*Records provided:*

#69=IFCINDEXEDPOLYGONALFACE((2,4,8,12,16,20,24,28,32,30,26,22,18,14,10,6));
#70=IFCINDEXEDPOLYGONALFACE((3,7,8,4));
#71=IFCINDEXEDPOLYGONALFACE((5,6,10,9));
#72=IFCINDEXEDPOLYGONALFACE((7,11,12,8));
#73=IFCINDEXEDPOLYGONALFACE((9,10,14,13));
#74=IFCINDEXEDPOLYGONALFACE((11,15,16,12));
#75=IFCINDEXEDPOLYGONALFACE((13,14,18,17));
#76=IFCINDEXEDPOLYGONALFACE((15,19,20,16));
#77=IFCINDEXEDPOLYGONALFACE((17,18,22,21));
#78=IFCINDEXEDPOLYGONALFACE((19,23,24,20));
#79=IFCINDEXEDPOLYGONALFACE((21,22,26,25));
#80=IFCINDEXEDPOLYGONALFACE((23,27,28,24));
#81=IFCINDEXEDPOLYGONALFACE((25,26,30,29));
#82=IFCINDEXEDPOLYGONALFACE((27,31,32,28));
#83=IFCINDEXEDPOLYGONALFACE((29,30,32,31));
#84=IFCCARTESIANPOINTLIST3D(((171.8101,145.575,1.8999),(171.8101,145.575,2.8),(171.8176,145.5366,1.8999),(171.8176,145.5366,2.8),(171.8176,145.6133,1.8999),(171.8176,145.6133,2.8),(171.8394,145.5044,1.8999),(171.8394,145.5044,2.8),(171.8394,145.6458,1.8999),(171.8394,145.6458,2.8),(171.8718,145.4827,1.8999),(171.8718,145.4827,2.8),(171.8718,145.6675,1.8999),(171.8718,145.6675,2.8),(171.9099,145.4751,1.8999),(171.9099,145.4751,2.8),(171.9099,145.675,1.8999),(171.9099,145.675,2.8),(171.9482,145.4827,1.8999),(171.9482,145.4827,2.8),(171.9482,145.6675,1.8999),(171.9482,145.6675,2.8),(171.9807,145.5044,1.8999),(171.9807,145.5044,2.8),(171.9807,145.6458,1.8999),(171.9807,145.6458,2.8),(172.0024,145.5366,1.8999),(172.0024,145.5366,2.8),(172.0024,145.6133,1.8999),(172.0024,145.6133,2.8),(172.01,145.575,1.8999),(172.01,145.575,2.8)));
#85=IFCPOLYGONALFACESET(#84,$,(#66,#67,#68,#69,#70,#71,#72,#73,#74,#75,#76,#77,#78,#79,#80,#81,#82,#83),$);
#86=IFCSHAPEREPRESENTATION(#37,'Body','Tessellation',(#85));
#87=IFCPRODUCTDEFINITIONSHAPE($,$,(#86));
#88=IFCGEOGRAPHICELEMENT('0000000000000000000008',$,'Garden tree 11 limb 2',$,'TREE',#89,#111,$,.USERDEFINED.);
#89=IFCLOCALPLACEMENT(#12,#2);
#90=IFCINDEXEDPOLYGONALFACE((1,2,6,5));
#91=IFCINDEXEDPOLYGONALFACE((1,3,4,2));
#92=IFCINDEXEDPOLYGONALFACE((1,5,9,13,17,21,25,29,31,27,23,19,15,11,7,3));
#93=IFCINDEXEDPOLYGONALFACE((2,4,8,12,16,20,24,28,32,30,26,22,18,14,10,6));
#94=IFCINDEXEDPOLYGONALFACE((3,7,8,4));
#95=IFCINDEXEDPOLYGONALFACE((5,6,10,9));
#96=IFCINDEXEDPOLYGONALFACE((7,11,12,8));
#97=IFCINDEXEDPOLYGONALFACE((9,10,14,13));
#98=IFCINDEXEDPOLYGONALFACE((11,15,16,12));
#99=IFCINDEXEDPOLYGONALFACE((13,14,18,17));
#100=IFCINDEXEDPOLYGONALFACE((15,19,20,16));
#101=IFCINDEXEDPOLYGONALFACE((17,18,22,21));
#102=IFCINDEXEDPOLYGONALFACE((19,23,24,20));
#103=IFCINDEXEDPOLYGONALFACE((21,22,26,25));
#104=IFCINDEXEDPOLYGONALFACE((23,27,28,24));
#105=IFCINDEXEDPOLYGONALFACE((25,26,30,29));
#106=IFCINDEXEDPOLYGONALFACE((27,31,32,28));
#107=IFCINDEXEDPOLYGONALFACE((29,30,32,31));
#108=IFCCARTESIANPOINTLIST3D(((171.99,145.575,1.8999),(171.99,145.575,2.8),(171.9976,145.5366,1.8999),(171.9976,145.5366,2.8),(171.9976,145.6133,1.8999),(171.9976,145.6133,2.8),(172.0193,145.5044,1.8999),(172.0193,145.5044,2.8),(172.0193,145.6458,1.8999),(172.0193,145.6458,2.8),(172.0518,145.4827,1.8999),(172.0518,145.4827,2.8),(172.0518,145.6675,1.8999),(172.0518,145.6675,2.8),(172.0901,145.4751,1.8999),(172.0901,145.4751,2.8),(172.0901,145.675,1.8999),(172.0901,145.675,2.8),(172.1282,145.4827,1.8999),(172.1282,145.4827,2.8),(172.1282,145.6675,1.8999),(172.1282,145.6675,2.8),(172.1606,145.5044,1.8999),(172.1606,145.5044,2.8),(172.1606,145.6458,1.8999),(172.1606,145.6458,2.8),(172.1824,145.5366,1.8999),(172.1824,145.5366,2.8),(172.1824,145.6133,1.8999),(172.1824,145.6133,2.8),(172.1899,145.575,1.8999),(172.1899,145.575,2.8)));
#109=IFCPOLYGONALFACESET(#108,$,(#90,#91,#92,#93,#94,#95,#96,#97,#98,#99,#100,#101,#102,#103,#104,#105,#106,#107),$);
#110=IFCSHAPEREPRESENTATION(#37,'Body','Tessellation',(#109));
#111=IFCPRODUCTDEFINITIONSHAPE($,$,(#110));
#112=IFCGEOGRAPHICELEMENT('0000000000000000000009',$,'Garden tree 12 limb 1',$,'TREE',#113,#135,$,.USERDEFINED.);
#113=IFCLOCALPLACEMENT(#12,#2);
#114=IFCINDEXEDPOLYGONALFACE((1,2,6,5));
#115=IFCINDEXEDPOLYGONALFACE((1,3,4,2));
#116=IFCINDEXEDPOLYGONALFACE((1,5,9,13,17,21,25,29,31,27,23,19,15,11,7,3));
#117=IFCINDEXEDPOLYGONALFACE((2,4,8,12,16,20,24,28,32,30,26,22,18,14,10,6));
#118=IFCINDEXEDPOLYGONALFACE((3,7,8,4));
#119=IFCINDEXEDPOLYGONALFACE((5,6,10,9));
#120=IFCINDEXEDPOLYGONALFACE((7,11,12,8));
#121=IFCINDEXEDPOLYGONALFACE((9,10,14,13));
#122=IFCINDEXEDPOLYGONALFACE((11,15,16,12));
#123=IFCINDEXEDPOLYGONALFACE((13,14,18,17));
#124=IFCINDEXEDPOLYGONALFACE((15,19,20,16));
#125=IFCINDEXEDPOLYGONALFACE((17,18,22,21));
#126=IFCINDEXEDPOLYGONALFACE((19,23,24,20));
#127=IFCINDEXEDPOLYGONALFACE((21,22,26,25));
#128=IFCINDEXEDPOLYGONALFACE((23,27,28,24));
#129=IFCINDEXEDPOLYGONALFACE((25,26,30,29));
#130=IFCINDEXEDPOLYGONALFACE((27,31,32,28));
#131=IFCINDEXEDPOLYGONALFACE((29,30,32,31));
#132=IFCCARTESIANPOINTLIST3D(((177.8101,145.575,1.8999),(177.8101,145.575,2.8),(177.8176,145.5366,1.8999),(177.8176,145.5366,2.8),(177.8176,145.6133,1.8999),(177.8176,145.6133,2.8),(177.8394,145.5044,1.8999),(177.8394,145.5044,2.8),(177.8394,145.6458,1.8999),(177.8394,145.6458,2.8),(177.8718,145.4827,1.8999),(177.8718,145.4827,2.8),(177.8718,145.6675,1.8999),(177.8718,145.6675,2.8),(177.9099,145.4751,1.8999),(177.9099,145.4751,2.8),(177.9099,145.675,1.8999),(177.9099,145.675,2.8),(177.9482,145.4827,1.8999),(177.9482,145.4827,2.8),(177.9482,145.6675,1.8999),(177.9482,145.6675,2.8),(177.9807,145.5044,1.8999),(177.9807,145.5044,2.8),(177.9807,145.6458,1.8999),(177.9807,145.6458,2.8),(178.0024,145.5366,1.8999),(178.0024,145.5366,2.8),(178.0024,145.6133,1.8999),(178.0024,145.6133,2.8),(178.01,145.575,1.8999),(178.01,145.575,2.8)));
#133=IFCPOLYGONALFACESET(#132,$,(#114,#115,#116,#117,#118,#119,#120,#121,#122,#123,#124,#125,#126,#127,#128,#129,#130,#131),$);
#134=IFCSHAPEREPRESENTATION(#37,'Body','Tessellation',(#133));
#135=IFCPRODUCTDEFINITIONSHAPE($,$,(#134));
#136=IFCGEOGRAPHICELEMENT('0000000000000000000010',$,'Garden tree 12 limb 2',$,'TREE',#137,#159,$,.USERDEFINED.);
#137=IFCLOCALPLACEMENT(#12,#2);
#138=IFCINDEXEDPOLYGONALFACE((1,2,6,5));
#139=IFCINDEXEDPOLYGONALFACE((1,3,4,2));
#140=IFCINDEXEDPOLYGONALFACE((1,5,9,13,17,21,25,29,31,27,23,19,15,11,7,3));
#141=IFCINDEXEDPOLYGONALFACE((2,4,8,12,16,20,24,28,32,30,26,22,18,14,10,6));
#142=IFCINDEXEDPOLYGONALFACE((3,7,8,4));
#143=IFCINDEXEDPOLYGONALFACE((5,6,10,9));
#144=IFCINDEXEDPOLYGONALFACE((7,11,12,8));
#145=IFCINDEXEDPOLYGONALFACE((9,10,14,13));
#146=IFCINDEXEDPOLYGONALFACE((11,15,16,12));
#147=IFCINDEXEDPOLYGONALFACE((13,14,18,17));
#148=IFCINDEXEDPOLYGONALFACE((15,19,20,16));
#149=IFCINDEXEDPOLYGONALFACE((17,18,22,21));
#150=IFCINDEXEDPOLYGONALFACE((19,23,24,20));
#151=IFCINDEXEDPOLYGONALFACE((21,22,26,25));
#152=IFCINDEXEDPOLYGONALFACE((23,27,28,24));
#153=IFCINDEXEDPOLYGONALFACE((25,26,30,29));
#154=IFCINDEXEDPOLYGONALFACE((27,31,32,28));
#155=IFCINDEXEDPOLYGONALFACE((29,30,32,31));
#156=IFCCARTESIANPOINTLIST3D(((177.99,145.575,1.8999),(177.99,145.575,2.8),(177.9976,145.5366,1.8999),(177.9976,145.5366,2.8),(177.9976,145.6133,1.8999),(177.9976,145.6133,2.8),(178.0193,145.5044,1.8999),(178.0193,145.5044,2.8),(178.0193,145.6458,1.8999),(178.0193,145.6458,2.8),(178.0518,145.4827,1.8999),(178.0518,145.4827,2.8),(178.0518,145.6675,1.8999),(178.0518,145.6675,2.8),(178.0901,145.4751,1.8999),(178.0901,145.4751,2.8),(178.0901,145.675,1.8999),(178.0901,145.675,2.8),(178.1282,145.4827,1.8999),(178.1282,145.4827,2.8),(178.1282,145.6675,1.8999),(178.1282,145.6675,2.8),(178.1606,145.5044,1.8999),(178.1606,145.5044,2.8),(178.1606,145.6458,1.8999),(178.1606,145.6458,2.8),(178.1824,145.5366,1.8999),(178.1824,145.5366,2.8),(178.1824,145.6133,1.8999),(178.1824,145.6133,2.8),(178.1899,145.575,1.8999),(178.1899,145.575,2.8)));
...
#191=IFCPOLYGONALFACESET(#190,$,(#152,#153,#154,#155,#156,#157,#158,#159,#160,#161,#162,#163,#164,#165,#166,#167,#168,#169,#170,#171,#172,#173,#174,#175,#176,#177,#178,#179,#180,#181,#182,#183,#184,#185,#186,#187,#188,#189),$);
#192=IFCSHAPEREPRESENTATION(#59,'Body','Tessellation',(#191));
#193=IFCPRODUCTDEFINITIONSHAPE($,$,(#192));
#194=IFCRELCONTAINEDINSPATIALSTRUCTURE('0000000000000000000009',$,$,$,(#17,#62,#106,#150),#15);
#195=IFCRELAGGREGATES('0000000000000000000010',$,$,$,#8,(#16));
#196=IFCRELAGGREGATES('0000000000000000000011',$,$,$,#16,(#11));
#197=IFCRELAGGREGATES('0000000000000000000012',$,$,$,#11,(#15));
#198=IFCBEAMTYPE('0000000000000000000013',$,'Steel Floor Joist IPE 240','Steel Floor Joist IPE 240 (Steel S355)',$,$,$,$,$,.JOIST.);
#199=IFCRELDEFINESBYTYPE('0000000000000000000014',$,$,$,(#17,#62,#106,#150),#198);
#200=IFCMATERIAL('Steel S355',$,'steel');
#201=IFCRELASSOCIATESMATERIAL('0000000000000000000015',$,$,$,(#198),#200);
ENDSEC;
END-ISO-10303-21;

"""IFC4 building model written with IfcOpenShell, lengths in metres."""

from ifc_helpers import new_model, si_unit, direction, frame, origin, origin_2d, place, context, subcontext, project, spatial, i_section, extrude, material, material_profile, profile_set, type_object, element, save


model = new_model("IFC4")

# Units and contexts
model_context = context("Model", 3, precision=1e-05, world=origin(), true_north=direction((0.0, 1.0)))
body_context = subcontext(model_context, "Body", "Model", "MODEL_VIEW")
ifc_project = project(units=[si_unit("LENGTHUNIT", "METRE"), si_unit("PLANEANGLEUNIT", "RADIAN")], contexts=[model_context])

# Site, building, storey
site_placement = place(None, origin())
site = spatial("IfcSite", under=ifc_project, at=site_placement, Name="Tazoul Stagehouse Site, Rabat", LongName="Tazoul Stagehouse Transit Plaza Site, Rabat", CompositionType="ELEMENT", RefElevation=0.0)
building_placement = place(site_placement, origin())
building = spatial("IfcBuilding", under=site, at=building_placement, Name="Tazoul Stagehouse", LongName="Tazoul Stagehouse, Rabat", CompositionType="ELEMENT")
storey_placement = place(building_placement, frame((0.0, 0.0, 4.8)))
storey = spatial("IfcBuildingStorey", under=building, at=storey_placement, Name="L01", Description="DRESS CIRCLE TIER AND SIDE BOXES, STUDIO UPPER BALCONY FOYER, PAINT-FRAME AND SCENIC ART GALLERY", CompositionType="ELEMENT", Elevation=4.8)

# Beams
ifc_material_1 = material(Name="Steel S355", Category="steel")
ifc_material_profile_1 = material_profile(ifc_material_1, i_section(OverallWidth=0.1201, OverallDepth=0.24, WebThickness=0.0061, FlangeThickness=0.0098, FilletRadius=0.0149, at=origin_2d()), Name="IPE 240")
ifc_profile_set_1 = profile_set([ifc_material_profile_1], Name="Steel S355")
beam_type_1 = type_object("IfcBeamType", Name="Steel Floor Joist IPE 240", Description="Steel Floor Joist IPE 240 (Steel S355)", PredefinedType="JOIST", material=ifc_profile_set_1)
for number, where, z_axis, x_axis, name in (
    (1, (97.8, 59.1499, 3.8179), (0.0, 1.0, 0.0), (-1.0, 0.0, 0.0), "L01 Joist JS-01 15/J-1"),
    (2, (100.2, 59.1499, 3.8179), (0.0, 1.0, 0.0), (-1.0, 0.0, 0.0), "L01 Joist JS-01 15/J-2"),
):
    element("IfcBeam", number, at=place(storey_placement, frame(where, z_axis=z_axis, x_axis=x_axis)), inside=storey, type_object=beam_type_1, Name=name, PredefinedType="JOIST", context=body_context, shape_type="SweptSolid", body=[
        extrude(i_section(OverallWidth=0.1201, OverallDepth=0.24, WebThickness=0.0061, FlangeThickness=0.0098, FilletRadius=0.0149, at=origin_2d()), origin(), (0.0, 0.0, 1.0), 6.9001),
...
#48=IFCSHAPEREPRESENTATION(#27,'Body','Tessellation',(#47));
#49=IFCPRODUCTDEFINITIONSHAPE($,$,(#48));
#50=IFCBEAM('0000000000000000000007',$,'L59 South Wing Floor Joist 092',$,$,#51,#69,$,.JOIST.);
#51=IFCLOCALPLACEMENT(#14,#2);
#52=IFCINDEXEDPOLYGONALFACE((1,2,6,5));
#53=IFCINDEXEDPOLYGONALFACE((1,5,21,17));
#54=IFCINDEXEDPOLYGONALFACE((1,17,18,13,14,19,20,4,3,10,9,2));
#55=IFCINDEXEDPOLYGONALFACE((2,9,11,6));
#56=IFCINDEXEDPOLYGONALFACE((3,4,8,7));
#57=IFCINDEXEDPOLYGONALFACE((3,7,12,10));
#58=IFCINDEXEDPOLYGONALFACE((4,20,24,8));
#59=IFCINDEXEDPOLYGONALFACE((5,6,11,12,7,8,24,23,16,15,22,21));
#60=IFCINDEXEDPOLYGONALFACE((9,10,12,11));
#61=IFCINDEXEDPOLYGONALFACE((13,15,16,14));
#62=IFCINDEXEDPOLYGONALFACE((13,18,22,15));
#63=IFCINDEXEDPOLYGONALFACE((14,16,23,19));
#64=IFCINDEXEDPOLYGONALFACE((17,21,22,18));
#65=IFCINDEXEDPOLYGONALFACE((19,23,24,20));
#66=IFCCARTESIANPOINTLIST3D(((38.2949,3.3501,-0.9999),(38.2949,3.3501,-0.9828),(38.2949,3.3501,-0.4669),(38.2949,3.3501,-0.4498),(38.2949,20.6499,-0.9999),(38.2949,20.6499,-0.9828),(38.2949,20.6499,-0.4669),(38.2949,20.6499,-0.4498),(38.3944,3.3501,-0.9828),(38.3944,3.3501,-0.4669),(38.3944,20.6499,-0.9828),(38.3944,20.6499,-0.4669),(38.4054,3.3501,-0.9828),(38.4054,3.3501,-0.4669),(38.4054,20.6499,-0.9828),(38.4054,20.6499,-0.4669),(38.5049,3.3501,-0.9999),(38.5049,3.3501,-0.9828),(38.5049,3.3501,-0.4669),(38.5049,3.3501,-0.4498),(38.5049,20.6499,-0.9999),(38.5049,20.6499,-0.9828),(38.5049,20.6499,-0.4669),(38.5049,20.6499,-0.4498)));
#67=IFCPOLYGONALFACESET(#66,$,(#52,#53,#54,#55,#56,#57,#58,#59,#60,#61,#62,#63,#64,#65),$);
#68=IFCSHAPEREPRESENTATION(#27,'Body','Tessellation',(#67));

*Goal of the exercise:* Only one stretch of the entries above is wanted: the lines from the one containing "#142=IFCINDEXEDPOLYGONALFACE((3,7,8,4));" through the one containing "#155=IFCINDEXEDPOLYGONALFACE((29,30,32,31));". Please reproduce it exactly.

*Task result:*
#142=IFCINDEXEDPOLYGONALFACE((3,7,8,4));
#143=IFCINDEXEDPOLYGONALFACE((5,6,10,9));
#144=IFCINDEXEDPOLYGONALFACE((7,11,12,8));
#145=IFCINDEXEDPOLYGONALFACE((9,10,14,13));
#146=IFCINDEXEDPOLYGONALFACE((11,15,16,12));
#147=IFCINDEXEDPOLYGONALFACE((13,14,18,17));
#148=IFCINDEXEDPOLYGONALFACE((15,19,20,16));
#149=IFCINDEXEDPOLYGONALFACE((17,18,22,21));
#150=IFCINDEXEDPOLYGONALFACE((19,23,24,20));
#151=IFCINDEXEDPOLYGONALFACE((21,22,26,25));
#152=IFCINDEXEDPOLYGONALFACE((23,27,28,24));
#153=IFCINDEXEDPOLYGONALFACE((25,26,30,29));
#154=IFCINDEXEDPOLYGONALFACE((27,31,32,28));
#155=IFCINDEXEDPOLYGONALFACE((29,30,32,31));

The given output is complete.